(Stored data entries)

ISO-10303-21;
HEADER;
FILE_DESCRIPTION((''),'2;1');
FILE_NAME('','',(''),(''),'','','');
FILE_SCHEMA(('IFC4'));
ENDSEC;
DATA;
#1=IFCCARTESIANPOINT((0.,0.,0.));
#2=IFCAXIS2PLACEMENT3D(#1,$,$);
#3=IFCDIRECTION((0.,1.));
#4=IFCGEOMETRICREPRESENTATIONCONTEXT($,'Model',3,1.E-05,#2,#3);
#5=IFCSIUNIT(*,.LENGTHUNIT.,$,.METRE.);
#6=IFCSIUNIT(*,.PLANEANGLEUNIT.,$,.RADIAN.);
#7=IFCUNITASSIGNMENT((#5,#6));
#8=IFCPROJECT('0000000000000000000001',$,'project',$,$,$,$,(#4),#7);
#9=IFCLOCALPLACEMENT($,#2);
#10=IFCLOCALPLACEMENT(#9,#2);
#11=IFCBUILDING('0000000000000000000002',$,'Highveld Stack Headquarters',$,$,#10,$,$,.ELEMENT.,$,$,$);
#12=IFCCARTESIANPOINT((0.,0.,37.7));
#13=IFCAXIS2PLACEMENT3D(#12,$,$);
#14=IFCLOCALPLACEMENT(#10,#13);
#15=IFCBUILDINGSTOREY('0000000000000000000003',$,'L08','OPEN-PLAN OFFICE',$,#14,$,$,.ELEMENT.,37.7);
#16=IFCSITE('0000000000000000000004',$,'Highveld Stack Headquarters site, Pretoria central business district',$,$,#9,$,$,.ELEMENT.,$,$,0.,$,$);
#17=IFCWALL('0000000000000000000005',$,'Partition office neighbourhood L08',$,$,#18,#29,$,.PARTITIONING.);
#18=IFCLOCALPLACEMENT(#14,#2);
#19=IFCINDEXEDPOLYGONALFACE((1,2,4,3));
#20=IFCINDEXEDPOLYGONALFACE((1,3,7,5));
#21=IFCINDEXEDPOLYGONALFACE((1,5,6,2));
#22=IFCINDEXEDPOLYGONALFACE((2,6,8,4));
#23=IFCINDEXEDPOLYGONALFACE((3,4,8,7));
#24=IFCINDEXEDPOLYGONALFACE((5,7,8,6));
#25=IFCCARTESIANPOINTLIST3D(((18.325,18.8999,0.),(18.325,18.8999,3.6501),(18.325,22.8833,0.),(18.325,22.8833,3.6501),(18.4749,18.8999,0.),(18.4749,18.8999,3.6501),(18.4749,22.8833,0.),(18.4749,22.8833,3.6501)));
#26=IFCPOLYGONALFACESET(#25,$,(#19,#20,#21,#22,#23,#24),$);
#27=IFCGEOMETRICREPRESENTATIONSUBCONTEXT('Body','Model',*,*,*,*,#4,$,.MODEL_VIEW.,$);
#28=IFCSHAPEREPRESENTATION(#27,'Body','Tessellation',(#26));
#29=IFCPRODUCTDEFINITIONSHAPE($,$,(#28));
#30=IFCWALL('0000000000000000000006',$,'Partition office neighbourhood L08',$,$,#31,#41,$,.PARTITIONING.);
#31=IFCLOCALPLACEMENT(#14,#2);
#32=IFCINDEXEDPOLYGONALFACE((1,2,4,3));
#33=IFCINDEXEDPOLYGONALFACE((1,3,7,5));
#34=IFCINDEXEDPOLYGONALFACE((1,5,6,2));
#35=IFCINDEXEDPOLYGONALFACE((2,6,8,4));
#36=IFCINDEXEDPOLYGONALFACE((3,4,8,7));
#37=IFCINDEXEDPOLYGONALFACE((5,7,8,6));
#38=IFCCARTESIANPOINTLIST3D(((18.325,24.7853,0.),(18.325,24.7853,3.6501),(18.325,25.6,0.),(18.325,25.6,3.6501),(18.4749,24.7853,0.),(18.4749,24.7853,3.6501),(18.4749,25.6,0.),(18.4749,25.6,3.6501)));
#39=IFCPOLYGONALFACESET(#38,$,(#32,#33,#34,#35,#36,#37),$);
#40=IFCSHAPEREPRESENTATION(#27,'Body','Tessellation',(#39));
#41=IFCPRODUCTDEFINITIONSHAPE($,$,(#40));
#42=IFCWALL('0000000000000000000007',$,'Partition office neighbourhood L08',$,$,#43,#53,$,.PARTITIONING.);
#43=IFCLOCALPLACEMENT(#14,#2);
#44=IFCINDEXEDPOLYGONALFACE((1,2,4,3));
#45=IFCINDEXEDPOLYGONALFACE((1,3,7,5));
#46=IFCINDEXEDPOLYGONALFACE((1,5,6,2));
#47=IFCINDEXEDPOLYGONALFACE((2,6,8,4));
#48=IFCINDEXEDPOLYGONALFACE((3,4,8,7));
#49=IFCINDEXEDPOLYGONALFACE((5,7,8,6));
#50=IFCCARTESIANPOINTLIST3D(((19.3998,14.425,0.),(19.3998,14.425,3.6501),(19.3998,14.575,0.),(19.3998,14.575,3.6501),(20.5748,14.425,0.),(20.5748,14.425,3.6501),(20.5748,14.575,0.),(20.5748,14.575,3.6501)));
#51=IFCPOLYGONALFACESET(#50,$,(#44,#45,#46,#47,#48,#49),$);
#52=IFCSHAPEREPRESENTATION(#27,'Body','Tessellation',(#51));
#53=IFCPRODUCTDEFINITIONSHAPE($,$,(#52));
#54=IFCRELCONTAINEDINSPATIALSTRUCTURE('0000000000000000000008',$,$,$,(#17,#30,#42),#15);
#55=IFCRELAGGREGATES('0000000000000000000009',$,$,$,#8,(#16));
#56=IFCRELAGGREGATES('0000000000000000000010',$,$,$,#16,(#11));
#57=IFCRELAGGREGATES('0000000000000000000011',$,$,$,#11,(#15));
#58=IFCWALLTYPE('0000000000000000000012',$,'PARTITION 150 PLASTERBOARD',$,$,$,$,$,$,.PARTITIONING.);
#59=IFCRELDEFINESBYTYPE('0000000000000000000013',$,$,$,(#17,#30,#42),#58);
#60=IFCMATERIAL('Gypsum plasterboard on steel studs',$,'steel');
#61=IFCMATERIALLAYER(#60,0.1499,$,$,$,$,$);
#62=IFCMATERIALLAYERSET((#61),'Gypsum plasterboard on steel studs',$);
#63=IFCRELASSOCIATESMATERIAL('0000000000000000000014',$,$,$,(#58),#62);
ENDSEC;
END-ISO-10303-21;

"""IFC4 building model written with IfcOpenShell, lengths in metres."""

from ifc_helpers import new_model, si_unit, direction, frame, frame_2d, origin, place, context, subcontext, project, spatial, rectangle, extrude, material, layer, layer_set, type_object, element, save


model = new_model("IFC4")

# Units and contexts
model_context = context("Model", 3, precision=1e-05, world=origin(), true_north=direction((0.0, 1.0)))
body_context = subcontext(model_context, "Body", "Model", "MODEL_VIEW")
ifc_project = project(units=[si_unit("LENGTHUNIT", "METRE"), si_unit("PLANEANGLEUNIT", "RADIAN")], contexts=[model_context])

# Site, building, storey
site_placement = place(None, origin())
site = spatial("IfcSite", under=ifc_project, at=site_placement, Name="Highveld Stack Headquarters site, Pretoria central business district", CompositionType="ELEMENT", RefElevation=0.0)
building_placement = place(site_placement, origin())
building = spatial("IfcBuilding", under=site, at=building_placement, Name="Highveld Stack Headquarters", CompositionType="ELEMENT")
storey_placement = place(building_placement, frame((0.0, 0.0, 37.7)))
storey = spatial("IfcBuildingStorey", under=building, at=storey_placement, Name="L08", Description="OPEN-PLAN OFFICE", CompositionType="ELEMENT", Elevation=37.7)

# Walls
ifc_material_1 = material(Name="Gypsum plasterboard on steel studs", Category="steel")
ifc_layer_1 = layer(ifc_material_1, 0.1499)
ifc_layer_set_1 = layer_set([ifc_layer_1], Name="Gypsum plasterboard on steel studs")
wall_type = type_object("IfcWallType", Name="PARTITION 150 PLASTERBOARD", PredefinedType="PARTITIONING", material=ifc_layer_set_1)
wall_1_placement = place(storey_placement, frame((18.3999, 18.8999, 0.0), z_axis=(0.0, 0.0, 1.0), x_axis=(0.0, 1.0, 0.0)))
element("IfcWall", 1, at=wall_1_placement, inside=storey, type_object=wall_type, Name="Partition office neighbourhood L08", PredefinedType="PARTITIONING", context=body_context, shape_type="SweptSolid", body=[
    extrude(rectangle(XDim=3.9834, YDim=0.1499, at=frame_2d((1.9917, 0.0))), origin(), (0.0, 0.0, 1.0), 3.6501),
])
wall_2_placement = place(storey_placement, frame((18.3999, 24.7854, 0.0), z_axis=(0.0, 0.0, 1.0), x_axis=(0.0, 1.0, 0.0)))
element("IfcWall", 2, at=wall_2_placement, inside=storey, type_object=wall_type, Name="Partition office neighbourhood L08", PredefinedType="PARTITIONING", context=body_context, shape_type="SweptSolid", body=[
    extrude(rectangle(XDim=0.8147, YDim=0.1499, at=frame_2d((0.4072, 0.0))), origin(), (0.0, 0.0, 1.0), 3.6501),
])
wall_3_placement = place(storey_placement, frame((19.3999, 14.5, 0.0), z_axis=(0.0, 0.0, 1.0), x_axis=(1.0, 0.0, 0.0)))
element("IfcWall", 3, at=wall_3_placement, inside=storey, type_object=wall_type, Name="Partition office neighbourhood L08", PredefinedType="PARTITIONING", context=body_context, shape_type="SweptSolid", body=[
    extrude(rectangle(XDim=1.175, YDim=0.1499, at=frame_2d((0.5874, 0.0))), origin(), (0.0, 0.0, 1.0), 3.6501),
])

save(model, "model.ifc")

Directions for this task —
Give back the records word for word. Start at the first line, end at the line containing "#4=IFCGEOMETRICREPRESENTATIONCONTEXT($,'Model',3,1.E-05,#2,#3);", and include both.

Solved exercise —
ISO-10303-21;
HEADER;
FILE_DESCRIPTION((''),'2;1');
FILE_NAME('','',(''),(''),'','','');
FILE_SCHEMA(('IFC4'));
ENDSEC;
DATA;
#1=IFCCARTESIANPOINT((0.,0.,0.));
#2=IFCAXIS2PLACEMENT3D(#1,$,$);
#3=IFCDIRECTION((0.,1.));
#4=IFCGEOMETRICREPRESENTATIONCONTEXT($,'Model',3,1.E-05,#2,#3);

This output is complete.